Segment Start: Dataset extract

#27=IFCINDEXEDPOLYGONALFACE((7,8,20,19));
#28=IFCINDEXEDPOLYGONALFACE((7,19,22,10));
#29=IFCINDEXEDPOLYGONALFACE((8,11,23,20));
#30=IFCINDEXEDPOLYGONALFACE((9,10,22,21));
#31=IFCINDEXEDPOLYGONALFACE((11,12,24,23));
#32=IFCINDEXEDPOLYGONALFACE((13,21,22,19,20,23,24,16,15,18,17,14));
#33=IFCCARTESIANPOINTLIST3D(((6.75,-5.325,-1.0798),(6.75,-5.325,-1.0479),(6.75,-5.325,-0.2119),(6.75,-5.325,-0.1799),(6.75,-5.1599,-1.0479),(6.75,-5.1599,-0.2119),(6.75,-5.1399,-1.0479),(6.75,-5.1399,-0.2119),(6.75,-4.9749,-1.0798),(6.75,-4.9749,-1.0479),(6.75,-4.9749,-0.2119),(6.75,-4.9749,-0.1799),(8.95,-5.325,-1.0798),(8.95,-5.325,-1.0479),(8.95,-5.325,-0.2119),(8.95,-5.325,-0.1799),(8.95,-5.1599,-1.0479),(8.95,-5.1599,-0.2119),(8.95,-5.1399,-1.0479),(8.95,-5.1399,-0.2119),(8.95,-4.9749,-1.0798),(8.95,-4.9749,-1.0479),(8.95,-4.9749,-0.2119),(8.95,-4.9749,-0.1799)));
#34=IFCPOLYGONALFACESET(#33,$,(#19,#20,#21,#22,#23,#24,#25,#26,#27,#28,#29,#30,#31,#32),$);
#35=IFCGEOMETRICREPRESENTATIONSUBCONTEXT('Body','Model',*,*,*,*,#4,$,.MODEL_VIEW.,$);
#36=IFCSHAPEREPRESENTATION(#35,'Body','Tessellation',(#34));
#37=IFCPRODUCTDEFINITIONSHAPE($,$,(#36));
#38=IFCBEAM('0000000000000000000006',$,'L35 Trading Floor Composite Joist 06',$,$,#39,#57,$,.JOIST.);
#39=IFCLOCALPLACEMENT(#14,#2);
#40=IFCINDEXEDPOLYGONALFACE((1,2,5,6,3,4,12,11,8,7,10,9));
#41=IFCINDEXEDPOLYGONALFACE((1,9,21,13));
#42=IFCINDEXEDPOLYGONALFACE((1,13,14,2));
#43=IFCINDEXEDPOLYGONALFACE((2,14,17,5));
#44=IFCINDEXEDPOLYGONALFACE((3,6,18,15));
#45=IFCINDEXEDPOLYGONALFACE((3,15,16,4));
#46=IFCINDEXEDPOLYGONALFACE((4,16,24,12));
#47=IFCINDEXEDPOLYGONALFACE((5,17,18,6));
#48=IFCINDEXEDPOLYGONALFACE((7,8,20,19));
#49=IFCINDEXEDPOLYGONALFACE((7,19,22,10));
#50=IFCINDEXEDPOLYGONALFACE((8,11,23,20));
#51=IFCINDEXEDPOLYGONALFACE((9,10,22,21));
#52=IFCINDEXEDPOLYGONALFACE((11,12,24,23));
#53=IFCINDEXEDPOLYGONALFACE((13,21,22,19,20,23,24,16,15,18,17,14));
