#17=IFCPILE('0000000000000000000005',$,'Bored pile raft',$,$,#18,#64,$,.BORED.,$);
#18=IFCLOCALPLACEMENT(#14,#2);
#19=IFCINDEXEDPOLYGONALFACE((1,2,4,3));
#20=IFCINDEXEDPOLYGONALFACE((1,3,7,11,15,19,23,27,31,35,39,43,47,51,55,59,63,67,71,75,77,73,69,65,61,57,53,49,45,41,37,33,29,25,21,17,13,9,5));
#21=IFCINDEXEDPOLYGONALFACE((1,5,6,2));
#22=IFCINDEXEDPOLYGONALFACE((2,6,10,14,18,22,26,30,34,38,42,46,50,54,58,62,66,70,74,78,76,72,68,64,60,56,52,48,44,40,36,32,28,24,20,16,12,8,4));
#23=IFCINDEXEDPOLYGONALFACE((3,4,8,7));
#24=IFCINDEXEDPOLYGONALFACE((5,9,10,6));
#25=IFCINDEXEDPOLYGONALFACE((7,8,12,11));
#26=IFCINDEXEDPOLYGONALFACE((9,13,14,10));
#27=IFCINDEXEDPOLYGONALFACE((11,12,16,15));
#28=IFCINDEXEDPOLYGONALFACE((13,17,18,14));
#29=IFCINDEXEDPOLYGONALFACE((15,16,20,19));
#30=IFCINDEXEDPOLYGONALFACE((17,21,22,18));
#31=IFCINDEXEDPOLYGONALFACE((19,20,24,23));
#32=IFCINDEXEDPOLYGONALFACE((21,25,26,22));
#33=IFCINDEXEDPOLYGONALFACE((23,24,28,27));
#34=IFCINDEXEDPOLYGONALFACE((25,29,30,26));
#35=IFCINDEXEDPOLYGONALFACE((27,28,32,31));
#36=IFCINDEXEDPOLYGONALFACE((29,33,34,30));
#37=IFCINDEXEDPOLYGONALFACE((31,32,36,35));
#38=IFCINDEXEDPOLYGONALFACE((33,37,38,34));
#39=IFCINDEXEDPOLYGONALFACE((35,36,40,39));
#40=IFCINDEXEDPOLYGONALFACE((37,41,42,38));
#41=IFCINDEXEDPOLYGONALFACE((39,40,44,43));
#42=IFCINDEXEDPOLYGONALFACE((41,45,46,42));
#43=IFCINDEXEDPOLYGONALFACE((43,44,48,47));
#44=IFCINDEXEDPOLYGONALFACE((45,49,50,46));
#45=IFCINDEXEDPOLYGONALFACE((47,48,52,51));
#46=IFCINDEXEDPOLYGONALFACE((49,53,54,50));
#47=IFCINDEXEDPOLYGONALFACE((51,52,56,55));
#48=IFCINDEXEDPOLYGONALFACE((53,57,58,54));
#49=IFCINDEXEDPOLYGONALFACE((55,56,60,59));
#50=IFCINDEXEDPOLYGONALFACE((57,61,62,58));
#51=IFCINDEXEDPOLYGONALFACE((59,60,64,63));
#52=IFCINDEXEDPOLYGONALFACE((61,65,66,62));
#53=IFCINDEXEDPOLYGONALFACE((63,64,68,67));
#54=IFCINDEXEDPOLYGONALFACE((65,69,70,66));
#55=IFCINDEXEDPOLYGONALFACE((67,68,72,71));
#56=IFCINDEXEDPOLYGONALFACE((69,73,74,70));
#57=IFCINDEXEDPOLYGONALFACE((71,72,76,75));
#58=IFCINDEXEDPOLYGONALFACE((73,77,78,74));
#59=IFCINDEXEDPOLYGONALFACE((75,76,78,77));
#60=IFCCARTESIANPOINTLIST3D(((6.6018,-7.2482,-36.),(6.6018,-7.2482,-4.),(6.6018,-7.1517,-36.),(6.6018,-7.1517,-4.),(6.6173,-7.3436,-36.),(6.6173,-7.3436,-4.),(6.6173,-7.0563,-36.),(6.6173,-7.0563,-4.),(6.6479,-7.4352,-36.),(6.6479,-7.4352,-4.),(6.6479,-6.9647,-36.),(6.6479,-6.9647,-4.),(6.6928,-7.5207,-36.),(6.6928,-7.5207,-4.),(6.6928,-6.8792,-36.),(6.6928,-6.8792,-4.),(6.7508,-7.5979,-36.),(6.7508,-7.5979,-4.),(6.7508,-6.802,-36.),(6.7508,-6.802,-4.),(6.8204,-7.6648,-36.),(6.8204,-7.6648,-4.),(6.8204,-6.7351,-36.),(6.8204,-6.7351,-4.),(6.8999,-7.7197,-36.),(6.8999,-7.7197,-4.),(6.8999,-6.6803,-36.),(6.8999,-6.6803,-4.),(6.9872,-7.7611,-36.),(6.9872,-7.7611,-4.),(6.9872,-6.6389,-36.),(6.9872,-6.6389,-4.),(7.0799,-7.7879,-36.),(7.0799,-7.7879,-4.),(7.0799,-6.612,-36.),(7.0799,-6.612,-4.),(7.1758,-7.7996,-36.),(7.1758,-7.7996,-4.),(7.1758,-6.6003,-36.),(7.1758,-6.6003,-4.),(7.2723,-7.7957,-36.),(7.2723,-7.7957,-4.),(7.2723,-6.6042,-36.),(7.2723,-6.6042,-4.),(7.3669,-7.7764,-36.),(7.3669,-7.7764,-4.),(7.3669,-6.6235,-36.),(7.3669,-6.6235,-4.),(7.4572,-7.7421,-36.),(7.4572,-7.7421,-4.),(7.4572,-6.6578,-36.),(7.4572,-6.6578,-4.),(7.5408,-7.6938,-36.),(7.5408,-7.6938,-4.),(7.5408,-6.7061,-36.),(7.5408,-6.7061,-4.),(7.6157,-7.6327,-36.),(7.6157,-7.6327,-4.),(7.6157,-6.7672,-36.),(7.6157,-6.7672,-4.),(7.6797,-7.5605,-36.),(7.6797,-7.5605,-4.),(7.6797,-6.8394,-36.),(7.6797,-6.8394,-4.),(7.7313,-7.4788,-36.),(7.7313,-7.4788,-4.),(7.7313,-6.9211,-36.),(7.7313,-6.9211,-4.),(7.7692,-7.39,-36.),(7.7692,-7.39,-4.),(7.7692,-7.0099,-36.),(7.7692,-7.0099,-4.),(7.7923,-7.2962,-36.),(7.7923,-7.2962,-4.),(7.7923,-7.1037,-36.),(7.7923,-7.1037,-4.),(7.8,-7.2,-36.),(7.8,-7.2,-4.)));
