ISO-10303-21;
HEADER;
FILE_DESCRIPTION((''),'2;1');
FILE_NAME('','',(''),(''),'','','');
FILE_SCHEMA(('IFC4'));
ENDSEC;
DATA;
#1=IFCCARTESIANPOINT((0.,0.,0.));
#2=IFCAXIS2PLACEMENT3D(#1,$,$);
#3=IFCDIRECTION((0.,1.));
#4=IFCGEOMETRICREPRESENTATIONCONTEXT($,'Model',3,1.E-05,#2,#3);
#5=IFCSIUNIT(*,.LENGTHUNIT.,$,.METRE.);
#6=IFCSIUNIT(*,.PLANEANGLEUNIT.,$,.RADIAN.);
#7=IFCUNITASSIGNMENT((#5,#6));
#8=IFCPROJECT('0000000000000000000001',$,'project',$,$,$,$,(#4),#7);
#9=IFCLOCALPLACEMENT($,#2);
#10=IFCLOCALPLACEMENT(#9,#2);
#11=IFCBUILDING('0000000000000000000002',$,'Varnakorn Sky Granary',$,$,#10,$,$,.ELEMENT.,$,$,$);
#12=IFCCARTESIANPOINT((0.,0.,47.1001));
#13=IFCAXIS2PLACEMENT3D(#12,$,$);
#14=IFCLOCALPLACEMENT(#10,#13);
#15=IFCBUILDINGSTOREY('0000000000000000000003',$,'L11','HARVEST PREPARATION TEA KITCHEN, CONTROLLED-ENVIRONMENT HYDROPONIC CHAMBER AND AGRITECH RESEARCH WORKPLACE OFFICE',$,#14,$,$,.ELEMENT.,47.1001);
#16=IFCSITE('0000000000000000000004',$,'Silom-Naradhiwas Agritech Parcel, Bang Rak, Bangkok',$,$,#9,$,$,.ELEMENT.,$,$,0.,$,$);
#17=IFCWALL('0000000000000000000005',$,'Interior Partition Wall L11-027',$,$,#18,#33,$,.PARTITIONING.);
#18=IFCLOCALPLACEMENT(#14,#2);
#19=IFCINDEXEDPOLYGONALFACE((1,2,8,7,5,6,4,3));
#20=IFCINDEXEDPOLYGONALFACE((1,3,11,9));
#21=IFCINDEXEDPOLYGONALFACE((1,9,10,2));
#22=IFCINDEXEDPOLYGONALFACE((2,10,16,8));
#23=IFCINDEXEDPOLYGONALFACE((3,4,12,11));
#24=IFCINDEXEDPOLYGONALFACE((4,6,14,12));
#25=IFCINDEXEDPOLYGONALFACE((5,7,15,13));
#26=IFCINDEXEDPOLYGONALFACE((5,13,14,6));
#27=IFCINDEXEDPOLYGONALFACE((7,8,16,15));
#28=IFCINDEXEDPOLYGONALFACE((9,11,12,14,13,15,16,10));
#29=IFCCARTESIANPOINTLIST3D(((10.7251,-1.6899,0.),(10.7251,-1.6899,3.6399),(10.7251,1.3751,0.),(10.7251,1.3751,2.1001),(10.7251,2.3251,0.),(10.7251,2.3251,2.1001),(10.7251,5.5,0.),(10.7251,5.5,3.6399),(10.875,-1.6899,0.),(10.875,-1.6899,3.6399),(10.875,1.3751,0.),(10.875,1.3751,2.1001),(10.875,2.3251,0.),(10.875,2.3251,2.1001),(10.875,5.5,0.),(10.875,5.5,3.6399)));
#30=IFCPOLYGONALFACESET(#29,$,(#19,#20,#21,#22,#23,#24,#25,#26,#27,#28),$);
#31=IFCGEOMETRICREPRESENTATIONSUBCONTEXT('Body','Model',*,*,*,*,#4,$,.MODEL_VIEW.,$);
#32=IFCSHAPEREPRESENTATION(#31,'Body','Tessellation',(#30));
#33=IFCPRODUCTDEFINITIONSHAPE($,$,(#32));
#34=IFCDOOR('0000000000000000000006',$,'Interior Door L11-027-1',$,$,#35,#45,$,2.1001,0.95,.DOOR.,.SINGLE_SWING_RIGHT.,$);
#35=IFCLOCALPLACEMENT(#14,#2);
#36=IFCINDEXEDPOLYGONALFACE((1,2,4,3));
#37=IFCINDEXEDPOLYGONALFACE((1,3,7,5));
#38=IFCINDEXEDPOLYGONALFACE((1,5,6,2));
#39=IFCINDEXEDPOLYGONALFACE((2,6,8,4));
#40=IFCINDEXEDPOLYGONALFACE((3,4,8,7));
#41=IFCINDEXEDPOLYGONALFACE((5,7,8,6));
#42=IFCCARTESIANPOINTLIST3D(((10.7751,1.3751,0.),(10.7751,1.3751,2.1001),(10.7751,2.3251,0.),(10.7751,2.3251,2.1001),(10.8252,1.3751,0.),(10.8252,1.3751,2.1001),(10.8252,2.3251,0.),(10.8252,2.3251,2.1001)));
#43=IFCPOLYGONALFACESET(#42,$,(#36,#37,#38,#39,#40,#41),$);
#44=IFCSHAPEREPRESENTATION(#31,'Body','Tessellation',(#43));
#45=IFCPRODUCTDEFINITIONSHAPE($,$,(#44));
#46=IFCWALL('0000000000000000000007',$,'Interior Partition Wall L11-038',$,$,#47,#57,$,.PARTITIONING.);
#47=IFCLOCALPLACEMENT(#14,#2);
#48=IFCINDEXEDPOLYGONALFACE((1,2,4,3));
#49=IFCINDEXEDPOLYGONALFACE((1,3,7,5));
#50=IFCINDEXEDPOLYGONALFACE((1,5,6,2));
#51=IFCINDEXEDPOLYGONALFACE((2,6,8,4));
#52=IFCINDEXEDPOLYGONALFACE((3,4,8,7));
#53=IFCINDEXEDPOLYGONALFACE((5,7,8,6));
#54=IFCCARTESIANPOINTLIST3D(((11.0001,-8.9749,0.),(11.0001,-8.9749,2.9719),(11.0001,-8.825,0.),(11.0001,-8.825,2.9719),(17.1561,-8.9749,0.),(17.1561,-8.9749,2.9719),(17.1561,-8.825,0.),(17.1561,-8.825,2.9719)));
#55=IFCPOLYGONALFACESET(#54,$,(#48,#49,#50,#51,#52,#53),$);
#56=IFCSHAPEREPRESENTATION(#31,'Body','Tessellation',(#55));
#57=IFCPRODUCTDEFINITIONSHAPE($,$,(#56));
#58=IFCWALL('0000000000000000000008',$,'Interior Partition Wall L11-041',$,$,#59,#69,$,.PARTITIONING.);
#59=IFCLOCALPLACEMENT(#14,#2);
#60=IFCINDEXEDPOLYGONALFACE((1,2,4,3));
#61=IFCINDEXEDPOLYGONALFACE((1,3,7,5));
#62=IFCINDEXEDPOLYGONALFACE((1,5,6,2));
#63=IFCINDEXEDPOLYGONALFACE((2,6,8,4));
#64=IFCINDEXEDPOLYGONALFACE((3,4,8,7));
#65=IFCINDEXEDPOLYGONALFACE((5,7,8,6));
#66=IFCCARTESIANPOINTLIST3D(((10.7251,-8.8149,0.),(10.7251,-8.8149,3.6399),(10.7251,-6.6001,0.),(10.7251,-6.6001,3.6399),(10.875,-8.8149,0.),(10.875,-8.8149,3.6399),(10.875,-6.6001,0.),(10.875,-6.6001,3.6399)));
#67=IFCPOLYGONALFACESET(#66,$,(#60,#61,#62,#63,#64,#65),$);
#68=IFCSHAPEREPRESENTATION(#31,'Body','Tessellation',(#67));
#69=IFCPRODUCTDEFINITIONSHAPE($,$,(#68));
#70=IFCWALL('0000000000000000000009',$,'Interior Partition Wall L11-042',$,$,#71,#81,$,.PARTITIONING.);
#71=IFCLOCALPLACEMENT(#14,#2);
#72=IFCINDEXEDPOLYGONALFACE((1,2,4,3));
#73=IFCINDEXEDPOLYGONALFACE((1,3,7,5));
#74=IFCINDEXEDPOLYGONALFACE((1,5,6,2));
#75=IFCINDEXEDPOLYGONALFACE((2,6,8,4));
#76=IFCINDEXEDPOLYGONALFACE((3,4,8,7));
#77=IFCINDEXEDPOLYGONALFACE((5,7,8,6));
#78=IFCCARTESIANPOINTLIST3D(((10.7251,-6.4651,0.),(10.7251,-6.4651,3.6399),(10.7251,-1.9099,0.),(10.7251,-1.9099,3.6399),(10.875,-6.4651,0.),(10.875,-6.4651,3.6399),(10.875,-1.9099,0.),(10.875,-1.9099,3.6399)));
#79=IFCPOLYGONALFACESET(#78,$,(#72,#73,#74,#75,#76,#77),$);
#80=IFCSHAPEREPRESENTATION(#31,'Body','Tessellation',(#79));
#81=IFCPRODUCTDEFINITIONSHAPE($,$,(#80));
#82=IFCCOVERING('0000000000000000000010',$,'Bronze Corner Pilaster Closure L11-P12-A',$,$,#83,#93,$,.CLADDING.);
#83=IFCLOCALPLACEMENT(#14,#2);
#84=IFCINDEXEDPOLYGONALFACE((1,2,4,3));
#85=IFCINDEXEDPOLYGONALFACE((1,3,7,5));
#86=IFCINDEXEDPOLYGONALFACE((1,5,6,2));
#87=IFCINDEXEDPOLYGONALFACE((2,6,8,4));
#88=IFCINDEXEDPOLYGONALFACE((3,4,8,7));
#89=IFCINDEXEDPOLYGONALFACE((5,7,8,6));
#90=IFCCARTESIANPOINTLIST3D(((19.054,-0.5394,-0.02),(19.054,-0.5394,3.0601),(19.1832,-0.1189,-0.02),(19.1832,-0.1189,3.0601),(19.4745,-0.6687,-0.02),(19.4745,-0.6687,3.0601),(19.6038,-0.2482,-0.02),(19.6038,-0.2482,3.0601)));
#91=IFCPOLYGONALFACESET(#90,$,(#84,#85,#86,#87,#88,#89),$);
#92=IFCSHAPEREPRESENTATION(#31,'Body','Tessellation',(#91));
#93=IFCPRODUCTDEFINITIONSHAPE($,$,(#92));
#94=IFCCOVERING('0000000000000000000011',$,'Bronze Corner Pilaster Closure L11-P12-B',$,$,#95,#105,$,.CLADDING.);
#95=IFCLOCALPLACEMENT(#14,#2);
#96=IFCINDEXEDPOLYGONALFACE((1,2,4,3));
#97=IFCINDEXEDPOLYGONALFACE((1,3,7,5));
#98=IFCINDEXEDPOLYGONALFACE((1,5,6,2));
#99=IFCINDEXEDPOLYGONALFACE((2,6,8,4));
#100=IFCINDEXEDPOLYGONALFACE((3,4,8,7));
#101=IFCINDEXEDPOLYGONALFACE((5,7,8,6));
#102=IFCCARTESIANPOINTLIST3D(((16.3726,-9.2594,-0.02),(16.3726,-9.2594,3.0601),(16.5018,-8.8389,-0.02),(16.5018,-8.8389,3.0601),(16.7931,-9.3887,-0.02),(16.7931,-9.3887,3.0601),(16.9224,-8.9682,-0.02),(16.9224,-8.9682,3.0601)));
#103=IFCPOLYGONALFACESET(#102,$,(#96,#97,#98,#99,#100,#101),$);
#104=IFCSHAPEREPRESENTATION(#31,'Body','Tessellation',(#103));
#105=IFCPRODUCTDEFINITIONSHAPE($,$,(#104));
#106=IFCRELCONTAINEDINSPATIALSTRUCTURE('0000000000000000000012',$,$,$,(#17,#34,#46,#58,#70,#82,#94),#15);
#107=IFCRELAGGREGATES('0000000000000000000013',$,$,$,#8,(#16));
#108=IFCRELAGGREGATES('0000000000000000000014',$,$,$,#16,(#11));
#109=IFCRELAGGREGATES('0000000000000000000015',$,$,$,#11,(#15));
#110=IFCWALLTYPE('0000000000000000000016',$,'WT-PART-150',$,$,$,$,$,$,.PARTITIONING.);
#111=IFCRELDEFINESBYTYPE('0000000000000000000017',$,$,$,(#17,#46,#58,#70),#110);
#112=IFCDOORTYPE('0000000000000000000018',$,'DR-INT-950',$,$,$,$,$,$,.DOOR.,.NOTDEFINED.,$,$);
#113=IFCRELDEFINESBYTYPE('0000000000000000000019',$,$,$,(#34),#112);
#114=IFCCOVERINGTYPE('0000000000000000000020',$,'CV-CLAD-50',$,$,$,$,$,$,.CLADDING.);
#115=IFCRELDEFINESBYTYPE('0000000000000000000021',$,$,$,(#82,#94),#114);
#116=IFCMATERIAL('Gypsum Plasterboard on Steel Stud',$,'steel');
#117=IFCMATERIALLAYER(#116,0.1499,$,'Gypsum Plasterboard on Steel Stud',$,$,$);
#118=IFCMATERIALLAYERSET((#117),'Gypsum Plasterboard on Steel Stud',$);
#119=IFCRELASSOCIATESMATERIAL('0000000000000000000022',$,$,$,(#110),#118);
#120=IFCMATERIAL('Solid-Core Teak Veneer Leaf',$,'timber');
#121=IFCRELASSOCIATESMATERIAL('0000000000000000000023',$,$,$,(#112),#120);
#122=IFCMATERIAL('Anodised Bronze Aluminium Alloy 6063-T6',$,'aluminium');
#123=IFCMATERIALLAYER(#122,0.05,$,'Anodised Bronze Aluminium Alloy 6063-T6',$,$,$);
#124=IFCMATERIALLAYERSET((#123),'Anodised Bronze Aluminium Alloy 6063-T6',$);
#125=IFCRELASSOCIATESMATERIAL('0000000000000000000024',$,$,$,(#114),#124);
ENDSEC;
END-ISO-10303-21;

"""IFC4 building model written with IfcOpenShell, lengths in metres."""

from ifc_helpers import new_model, si_unit, direction, frame, frame_2d, origin, origin_2d, place, context, subcontext, project, spatial, rectangle, extrude, source, transform, mapped, material, layer, layer_set, type_object, type_shapes, element, fill, save


model = new_model("IFC4")

# Units and contexts
model_context = context("Model", 3, precision=1e-05, world=origin(), true_north=direction((0.0, 1.0)))
body_context = subcontext(model_context, "Body", "Model", "MODEL_VIEW")
ifc_project = project(units=[si_unit("LENGTHUNIT", "METRE"), si_unit("PLANEANGLEUNIT", "RADIAN")], contexts=[model_context])

# Site, building, storey
site_placement = place(None, origin())
site = spatial("IfcSite", under=ifc_project, at=site_placement, Name="Silom-Naradhiwas Agritech Parcel, Bang Rak, Bangkok", CompositionType="ELEMENT", RefElevation=0.0)
building_placement = place(site_placement, origin())
building = spatial("IfcBuilding", under=site, at=building_placement, Name="Varnakorn Sky Granary", CompositionType="ELEMENT")
storey_placement = place(building_placement, frame((0.0, 0.0, 47.1001)))
storey = spatial("IfcBuildingStorey", under=building, at=storey_placement, Name="L11", Description="HARVEST PREPARATION TEA KITCHEN, CONTROLLED-ENVIRONMENT HYDROPONIC CHAMBER AND AGRITECH RESEARCH WORKPLACE OFFICE", CompositionType="ELEMENT", Elevation=47.1001)

# Shared definitions
ifc_material_1 = material(Name="Anodised Bronze Aluminium Alloy 6063-T6", Category="aluminium")

# Wall, opening, door
ifc_material_2 = material(Name="Gypsum Plasterboard on Steel Stud", Category="steel")
ifc_layer_1 = layer(ifc_material_2, 0.1499, Name="Gypsum Plasterboard on Steel Stud")
ifc_layer_set_1 = layer_set([ifc_layer_1], Name="Gypsum Plasterboard on Steel Stud")
wall_type_1 = type_object("IfcWallType", Name="WT-PART-150", PredefinedType="PARTITIONING", material=ifc_layer_set_1)
wall_1_placement = place(storey_placement, frame((10.8, -1.6899, 0.0), z_axis=(0.0, 0.0, 1.0), x_axis=(0.0, 1.0, 0.0)))
wall_1 = element("IfcWall", 1, at=wall_1_placement, inside=storey, type_object=wall_type_1, Name="Interior Partition Wall L11-027", PredefinedType="PARTITIONING", context=body_context, shape_type="SweptSolid", body=[
    extrude(rectangle(XDim=7.1899, YDim=0.1499, at=frame_2d((3.595, 0.0))), origin(), (0.0, 0.0, 1.0), 3.6399),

Segment End: Dataset extract

**Description of the task**
Each line from the first line of the listing through the line containing "#31=IFCINDEXEDPOLYGONALFACE((11,12,24,23));" must be set down exactly; no other line belongs in the answer.

**Written response**
#27=IFCINDEXEDPOLYGONALFACE((7,8,20,19));
#28=IFCINDEXEDPOLYGONALFACE((7,19,22,10));
#29=IFCINDEXEDPOLYGONALFACE((8,11,23,20));
#30=IFCINDEXEDPOLYGONALFACE((9,10,22,21));
#31=IFCINDEXEDPOLYGONALFACE((11,12,24,23));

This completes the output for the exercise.